** Opening RAW DATA block **
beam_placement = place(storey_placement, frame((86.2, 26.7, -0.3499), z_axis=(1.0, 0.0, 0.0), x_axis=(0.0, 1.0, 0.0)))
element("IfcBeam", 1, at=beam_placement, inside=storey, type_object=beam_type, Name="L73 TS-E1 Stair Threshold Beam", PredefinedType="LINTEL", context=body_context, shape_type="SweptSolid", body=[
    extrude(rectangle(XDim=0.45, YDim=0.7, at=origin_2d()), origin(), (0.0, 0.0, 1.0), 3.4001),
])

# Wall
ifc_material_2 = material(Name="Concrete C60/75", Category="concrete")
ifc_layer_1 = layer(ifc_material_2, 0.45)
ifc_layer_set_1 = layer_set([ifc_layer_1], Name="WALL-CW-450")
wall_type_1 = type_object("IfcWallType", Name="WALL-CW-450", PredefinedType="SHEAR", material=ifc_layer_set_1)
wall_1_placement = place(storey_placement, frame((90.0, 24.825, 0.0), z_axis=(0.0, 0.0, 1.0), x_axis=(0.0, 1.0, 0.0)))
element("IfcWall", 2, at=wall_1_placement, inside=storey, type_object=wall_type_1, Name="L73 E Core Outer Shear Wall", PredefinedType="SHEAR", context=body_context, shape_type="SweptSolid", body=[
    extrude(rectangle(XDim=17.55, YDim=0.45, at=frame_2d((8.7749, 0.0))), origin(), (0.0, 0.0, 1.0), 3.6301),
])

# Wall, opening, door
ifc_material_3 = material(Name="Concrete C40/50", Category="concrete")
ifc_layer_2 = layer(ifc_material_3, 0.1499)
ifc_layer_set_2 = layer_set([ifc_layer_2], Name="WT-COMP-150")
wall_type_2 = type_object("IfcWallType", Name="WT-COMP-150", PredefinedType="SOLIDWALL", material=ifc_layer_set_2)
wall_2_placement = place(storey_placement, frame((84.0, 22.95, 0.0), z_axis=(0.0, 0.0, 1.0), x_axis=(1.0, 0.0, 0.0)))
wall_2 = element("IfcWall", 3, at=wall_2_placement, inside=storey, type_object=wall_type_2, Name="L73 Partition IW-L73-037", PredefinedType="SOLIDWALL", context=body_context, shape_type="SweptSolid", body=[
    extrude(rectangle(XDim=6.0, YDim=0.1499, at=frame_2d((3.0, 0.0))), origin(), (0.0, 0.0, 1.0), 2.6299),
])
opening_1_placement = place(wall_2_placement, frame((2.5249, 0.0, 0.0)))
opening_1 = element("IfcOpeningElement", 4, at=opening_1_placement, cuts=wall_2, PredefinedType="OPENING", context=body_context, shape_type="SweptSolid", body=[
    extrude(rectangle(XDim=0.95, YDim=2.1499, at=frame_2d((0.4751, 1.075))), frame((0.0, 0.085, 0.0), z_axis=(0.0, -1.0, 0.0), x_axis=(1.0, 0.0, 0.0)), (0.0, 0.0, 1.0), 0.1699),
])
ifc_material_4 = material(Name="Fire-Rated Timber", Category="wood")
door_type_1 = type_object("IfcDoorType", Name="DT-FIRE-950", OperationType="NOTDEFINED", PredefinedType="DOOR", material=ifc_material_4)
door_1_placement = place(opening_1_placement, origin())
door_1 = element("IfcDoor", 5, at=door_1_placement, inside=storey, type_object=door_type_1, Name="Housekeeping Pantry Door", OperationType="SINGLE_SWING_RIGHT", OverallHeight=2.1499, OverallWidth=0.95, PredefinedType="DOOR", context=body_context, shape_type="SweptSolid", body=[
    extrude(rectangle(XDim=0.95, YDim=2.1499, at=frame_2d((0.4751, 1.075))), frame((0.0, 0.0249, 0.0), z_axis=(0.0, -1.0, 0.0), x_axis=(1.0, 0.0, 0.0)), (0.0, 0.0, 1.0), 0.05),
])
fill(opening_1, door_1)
** Closing RAW DATA block **
** Opening RAW DATA block **
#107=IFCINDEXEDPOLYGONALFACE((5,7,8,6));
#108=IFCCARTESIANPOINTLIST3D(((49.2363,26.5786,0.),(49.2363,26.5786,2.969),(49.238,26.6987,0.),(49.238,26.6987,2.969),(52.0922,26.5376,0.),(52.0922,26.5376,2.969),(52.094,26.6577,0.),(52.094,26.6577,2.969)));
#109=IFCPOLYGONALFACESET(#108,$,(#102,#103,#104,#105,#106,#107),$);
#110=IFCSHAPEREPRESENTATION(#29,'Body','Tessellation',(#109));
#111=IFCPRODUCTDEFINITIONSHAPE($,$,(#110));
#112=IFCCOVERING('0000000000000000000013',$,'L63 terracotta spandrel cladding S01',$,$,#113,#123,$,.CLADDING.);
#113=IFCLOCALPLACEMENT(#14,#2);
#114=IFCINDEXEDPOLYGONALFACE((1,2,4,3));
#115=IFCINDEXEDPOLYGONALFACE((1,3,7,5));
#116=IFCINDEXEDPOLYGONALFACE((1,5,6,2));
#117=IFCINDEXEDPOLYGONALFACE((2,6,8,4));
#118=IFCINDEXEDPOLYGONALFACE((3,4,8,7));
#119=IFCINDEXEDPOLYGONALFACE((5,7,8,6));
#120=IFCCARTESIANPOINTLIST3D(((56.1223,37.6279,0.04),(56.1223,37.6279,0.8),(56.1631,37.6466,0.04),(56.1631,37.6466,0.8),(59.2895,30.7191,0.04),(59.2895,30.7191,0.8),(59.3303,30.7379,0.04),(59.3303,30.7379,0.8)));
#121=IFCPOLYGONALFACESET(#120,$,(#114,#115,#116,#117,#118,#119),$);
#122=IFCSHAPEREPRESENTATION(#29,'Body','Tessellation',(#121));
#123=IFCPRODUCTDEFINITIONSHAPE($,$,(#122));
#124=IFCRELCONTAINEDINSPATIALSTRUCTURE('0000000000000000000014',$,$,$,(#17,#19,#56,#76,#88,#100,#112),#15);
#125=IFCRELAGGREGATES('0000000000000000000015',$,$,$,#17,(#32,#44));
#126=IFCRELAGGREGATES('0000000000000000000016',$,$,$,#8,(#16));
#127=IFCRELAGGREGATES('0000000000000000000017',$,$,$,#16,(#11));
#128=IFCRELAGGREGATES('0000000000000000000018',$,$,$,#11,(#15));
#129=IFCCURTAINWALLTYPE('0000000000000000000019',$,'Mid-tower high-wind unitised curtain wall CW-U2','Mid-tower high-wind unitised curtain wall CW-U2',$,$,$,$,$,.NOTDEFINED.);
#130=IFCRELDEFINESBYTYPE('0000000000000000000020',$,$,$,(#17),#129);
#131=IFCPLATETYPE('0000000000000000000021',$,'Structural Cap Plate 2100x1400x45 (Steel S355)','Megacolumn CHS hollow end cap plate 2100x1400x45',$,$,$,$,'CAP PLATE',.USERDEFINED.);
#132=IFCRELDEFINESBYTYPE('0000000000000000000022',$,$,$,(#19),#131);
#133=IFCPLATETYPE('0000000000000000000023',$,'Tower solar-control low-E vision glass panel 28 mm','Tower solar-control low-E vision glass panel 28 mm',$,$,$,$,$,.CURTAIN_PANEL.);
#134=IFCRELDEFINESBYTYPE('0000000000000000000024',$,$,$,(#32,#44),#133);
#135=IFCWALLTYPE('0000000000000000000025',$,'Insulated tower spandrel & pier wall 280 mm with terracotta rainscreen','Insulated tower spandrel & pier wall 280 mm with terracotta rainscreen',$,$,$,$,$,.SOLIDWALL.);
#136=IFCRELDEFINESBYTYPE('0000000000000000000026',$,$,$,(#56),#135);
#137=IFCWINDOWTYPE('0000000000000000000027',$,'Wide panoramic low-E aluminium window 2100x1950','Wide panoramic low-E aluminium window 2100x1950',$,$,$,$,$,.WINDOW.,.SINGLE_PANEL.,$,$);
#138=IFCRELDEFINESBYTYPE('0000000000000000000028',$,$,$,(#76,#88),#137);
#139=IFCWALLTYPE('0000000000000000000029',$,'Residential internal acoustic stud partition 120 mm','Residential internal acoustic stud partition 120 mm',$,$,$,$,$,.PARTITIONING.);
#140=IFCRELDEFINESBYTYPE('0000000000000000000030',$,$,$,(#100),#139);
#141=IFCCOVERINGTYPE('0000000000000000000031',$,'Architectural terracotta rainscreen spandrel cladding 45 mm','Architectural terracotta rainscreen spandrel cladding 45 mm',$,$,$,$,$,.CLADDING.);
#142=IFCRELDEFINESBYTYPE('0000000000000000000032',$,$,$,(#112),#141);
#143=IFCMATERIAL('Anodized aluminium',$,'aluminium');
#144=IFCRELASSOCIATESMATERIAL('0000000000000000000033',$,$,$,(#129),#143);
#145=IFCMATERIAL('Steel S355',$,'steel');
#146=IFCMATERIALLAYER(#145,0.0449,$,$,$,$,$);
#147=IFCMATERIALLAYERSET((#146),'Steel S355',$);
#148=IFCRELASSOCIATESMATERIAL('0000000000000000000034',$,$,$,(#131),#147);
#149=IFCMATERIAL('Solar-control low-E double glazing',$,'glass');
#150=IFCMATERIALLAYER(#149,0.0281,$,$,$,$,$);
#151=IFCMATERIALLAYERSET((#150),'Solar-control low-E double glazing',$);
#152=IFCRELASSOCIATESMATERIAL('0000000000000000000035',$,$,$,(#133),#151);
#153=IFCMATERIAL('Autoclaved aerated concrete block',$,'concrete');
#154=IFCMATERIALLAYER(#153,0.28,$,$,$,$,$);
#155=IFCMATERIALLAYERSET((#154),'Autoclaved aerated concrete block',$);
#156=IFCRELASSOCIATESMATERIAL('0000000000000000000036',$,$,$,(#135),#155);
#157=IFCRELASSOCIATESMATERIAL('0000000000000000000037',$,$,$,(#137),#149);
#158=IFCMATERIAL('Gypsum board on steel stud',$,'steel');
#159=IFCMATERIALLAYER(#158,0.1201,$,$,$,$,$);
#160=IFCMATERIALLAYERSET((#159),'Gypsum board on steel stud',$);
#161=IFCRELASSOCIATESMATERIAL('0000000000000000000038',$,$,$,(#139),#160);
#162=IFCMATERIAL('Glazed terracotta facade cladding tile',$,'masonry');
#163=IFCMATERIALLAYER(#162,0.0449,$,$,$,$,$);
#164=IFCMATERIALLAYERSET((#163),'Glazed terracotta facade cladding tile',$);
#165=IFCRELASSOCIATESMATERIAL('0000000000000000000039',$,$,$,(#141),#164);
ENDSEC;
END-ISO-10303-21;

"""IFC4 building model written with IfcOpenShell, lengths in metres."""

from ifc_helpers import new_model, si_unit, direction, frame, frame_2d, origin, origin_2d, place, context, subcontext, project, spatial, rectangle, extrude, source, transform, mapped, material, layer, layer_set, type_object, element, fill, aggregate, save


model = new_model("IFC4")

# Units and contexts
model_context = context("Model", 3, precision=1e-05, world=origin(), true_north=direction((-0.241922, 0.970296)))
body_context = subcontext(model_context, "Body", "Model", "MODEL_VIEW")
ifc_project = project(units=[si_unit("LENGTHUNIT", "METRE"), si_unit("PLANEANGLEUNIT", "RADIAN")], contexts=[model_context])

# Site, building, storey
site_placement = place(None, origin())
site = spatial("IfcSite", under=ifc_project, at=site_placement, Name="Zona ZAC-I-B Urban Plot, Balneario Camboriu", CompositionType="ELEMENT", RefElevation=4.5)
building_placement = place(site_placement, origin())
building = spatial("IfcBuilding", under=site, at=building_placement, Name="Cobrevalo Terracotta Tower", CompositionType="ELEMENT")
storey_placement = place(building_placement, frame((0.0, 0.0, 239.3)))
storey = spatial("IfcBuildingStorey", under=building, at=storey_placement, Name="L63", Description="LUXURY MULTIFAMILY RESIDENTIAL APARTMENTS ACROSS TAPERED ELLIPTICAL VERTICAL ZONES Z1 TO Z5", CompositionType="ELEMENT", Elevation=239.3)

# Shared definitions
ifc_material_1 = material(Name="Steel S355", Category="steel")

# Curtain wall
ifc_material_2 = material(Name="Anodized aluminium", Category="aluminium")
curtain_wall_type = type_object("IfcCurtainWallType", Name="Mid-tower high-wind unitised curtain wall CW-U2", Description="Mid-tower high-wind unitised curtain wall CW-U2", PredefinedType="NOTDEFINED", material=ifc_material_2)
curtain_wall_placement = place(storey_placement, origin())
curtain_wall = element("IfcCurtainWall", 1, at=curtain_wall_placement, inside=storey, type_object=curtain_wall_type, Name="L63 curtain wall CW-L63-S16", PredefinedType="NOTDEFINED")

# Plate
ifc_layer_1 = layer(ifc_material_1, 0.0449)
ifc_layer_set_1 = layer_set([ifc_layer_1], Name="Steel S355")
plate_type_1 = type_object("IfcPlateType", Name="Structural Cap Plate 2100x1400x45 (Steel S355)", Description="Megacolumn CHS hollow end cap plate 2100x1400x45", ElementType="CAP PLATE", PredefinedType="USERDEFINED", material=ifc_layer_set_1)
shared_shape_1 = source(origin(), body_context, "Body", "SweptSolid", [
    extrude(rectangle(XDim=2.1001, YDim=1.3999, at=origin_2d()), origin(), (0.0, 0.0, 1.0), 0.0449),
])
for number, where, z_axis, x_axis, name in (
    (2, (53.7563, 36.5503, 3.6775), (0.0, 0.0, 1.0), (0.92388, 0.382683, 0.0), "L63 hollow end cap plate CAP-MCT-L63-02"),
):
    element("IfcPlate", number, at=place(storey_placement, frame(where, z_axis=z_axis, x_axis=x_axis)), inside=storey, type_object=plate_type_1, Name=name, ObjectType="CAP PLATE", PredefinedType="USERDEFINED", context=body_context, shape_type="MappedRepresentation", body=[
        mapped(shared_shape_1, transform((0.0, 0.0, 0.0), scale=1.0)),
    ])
** Closing RAW DATA block **
** Opening RAW DATA block **
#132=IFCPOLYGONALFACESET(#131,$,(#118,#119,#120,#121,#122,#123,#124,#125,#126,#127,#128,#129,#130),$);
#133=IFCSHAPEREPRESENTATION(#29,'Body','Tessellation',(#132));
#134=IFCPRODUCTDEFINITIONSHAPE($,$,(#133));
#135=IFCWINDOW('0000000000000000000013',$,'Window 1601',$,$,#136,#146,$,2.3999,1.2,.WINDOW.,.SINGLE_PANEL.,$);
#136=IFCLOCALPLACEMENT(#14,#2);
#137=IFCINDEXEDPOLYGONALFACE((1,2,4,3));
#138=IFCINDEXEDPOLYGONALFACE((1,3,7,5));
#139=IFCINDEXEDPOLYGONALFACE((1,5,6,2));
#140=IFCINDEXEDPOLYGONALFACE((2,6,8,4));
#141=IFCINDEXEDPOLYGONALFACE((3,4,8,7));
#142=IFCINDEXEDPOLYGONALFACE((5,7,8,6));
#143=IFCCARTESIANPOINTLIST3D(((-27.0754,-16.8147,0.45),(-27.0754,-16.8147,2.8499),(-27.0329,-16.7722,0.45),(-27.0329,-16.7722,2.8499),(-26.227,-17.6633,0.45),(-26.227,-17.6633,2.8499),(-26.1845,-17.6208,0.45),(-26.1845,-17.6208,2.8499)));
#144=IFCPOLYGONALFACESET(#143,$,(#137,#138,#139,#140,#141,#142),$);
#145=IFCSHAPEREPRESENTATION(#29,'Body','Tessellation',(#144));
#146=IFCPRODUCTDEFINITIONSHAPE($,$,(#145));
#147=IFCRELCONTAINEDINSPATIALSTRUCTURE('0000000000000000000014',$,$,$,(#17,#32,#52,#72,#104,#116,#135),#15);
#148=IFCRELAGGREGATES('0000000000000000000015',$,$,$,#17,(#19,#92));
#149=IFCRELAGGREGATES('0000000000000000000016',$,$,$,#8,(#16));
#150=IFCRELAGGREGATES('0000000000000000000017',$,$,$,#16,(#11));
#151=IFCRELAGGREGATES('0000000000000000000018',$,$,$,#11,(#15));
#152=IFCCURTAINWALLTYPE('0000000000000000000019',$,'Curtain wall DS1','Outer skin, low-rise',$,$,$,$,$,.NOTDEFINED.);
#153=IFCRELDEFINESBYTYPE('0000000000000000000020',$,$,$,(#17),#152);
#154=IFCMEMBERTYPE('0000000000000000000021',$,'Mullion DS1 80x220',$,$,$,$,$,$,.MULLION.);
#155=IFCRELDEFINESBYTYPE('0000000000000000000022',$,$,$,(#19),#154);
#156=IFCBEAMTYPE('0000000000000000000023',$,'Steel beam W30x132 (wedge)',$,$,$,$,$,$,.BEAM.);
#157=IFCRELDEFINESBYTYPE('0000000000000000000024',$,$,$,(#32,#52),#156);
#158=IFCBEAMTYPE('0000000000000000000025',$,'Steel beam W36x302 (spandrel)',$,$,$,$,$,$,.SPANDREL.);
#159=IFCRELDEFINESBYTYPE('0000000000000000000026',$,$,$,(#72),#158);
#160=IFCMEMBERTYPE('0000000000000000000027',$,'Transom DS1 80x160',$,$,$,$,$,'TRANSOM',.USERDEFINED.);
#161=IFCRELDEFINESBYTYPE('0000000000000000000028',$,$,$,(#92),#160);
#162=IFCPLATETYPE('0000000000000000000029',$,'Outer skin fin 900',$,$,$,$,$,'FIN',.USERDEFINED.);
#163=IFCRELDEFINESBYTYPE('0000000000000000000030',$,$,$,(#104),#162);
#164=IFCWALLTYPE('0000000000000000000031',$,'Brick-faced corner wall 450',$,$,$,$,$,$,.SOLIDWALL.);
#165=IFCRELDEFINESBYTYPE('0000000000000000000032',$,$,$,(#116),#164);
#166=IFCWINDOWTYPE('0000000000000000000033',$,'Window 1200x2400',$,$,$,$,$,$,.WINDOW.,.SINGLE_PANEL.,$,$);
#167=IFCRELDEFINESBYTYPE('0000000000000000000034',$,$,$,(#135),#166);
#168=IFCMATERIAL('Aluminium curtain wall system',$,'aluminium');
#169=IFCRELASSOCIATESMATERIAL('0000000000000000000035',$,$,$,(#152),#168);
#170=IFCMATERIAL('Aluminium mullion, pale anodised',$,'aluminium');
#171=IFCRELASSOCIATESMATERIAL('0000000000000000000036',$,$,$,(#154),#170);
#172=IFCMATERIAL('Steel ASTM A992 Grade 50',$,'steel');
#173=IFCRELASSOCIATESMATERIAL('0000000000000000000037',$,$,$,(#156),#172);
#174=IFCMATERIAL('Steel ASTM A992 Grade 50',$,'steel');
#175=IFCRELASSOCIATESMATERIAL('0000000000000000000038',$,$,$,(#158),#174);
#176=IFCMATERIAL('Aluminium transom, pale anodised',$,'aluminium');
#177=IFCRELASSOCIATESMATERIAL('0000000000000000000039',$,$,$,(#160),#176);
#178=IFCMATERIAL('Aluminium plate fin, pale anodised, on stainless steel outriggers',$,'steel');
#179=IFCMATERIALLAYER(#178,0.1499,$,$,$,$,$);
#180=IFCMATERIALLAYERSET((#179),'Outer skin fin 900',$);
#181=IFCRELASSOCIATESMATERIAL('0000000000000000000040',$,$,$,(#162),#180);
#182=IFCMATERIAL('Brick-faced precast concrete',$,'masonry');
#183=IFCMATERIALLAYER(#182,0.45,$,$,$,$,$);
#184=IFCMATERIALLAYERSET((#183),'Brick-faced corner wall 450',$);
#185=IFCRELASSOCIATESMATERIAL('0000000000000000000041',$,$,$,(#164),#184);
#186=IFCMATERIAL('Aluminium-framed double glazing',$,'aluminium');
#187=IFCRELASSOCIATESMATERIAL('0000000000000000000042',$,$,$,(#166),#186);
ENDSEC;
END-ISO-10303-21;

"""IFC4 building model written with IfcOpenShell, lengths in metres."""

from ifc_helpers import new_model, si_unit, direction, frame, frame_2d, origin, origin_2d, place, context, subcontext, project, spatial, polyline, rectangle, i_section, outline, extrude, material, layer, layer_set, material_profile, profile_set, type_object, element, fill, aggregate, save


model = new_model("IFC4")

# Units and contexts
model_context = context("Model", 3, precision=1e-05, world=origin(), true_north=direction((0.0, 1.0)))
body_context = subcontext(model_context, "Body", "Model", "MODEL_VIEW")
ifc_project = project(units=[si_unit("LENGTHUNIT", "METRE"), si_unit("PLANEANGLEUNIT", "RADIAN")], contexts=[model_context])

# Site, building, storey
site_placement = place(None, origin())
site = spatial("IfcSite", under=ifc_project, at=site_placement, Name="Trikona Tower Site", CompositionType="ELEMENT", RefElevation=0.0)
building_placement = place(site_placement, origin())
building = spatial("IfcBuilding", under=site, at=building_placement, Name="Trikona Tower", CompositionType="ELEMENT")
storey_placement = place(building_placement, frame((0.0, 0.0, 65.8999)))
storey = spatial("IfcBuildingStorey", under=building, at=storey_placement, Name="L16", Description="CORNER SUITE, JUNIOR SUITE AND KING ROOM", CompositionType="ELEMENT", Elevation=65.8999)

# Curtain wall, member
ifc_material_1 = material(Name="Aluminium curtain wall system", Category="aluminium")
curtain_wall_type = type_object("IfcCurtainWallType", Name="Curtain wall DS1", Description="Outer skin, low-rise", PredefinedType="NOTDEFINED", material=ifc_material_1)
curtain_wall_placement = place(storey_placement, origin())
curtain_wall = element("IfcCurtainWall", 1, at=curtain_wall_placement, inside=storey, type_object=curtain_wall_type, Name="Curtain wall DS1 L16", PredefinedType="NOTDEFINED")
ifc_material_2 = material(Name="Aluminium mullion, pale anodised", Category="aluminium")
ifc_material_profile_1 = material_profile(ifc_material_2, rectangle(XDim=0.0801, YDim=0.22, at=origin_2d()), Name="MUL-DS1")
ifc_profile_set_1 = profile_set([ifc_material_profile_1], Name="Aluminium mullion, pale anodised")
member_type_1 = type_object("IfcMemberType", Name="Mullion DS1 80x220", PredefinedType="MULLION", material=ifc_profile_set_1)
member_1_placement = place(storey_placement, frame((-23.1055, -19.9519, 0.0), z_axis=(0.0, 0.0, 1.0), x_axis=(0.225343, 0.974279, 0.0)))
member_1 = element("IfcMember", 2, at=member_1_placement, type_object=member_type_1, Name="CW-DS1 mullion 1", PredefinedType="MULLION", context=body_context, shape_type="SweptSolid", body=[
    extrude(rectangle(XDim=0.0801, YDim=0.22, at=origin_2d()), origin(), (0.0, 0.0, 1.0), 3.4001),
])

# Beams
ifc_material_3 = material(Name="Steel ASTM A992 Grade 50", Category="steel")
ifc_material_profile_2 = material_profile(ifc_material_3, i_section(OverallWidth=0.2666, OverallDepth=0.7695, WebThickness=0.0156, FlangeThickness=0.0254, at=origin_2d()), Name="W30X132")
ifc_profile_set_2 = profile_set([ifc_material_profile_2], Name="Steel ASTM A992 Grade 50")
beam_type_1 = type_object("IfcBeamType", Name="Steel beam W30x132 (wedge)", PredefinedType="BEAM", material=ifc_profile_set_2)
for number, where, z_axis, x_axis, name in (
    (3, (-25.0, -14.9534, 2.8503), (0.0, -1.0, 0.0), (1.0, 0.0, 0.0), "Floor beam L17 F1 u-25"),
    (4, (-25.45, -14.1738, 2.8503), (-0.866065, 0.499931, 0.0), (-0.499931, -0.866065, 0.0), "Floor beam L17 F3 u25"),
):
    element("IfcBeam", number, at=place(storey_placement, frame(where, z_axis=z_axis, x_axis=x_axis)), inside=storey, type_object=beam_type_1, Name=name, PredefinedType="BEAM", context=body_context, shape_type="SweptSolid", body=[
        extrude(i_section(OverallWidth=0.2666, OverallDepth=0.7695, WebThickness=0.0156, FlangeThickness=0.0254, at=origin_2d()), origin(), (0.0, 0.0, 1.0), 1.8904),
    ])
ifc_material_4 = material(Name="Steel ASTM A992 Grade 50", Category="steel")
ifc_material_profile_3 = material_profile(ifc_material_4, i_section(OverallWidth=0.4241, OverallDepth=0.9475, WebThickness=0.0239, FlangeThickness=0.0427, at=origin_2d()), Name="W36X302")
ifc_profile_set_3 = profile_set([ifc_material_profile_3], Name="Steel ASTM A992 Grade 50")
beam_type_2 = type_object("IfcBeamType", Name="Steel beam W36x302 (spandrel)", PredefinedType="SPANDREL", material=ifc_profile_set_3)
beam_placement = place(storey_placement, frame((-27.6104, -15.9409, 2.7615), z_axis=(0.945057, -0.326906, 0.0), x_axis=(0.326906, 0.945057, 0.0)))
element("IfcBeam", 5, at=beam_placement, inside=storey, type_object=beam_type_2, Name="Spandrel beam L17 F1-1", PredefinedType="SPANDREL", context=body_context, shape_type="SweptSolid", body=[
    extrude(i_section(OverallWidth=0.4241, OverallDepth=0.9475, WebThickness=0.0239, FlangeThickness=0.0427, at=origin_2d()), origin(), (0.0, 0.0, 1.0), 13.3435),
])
** Closing RAW DATA block **
● YOUR INSTRUCTIONS
Show the lines of the records that contain the word "Brick".

● TASK ANSWER
#164=IFCWALLTYPE('0000000000000000000031',$,'Brick-faced corner wall 450',$,$,$,$,$,$,.SOLIDWALL.);
#182=IFCMATERIAL('Brick-faced precast concrete',$,'masonry');
#184=IFCMATERIALLAYERSET((#183),'Brick-faced corner wall 450',$);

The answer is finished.